(Input records begins)
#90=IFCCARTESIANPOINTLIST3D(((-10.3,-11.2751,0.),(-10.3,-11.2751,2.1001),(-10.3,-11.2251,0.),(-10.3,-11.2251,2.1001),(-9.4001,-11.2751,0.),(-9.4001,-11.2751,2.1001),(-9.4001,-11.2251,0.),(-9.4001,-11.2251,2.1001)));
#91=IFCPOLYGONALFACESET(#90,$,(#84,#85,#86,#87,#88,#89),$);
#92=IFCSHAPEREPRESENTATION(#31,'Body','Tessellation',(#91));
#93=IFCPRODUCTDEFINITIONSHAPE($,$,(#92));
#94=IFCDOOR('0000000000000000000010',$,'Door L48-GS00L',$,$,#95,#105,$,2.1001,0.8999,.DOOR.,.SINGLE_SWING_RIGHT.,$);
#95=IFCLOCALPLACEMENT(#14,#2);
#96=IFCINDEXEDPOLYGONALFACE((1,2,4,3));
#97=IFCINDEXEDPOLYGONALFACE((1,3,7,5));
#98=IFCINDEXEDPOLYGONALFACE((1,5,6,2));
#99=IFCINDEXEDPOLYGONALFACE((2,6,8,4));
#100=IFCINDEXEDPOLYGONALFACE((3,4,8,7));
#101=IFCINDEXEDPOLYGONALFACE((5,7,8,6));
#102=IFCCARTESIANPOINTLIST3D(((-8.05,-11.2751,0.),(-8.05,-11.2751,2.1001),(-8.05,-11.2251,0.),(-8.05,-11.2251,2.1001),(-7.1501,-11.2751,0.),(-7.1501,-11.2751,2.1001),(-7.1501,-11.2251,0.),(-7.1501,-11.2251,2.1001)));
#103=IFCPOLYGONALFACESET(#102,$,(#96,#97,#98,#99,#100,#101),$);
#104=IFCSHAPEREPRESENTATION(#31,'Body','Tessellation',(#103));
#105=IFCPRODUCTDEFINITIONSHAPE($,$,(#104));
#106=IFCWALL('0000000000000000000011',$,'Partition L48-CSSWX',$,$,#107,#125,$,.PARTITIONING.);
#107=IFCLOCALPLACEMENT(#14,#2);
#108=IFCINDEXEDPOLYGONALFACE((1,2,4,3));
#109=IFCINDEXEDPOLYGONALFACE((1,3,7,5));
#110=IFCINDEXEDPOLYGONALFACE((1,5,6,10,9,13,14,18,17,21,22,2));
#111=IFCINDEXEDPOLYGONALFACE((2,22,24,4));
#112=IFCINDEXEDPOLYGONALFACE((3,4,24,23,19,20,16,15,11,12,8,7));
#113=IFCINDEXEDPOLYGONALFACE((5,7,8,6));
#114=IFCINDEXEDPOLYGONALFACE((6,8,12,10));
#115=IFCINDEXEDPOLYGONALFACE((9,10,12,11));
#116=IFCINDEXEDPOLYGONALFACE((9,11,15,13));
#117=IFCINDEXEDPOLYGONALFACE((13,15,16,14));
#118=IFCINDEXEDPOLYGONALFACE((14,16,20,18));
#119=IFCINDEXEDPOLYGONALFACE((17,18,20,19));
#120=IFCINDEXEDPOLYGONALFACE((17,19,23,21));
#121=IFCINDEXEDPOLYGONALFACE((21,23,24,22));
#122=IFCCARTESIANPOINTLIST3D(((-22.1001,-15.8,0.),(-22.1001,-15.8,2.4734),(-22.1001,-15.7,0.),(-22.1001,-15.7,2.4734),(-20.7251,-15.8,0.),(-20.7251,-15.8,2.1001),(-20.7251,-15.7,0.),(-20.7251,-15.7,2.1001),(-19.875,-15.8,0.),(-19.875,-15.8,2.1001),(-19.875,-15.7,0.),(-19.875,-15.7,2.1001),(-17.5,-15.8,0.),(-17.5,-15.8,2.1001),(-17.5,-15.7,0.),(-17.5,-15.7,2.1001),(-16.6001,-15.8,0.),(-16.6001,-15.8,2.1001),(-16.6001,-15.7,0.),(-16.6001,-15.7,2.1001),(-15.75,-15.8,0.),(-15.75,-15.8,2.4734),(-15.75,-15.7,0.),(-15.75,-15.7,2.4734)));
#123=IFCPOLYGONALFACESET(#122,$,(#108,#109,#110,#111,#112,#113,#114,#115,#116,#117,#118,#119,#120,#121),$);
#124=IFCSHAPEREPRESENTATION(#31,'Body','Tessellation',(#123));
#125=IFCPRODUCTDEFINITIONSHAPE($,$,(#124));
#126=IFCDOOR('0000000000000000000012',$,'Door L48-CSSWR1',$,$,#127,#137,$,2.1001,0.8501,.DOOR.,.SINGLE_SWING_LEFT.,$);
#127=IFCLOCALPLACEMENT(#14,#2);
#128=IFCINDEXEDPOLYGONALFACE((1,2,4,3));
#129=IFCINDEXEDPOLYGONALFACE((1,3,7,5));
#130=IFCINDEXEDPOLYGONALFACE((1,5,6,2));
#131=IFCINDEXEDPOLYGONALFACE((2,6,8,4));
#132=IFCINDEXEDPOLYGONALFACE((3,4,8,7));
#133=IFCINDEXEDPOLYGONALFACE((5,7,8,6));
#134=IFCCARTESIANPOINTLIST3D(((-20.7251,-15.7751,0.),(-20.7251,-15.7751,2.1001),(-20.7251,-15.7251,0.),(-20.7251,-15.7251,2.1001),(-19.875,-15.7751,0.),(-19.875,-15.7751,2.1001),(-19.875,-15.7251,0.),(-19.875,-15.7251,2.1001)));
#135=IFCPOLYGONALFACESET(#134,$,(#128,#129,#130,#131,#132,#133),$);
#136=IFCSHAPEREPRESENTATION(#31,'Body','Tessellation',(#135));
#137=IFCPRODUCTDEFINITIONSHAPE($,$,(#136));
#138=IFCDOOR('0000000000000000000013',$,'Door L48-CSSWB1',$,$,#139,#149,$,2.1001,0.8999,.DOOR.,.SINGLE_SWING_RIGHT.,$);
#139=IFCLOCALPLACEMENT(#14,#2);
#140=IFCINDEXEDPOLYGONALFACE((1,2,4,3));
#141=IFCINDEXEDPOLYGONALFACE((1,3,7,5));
(Input records ends)
* **Task to complete**: Where the line holding "#105=IFCPRODUCTDEFINITIONSHAPE($,$,(#104));" appears in the listing above, start reproducing exactly, and end with the line holding "#114=IFCINDEXEDPOLYGONALFACE((6,8,12,10));".

* **Your response**:
#105=IFCPRODUCTDEFINITIONSHAPE($,$,(#104));
#106=IFCWALL('0000000000000000000011',$,'Partition L48-CSSWX',$,$,#107,#125,$,.PARTITIONING.);
#107=IFCLOCALPLACEMENT(#14,#2);
#108=IFCINDEXEDPOLYGONALFACE((1,2,4,3));
#109=IFCINDEXEDPOLYGONALFACE((1,3,7,5));
#110=IFCINDEXEDPOLYGONALFACE((1,5,6,10,9,13,14,18,17,21,22,2));
#111=IFCINDEXEDPOLYGONALFACE((2,22,24,4));
#112=IFCINDEXEDPOLYGONALFACE((3,4,24,23,19,20,16,15,11,12,8,7));
#113=IFCINDEXEDPOLYGONALFACE((5,7,8,6));
#114=IFCINDEXEDPOLYGONALFACE((6,8,12,10));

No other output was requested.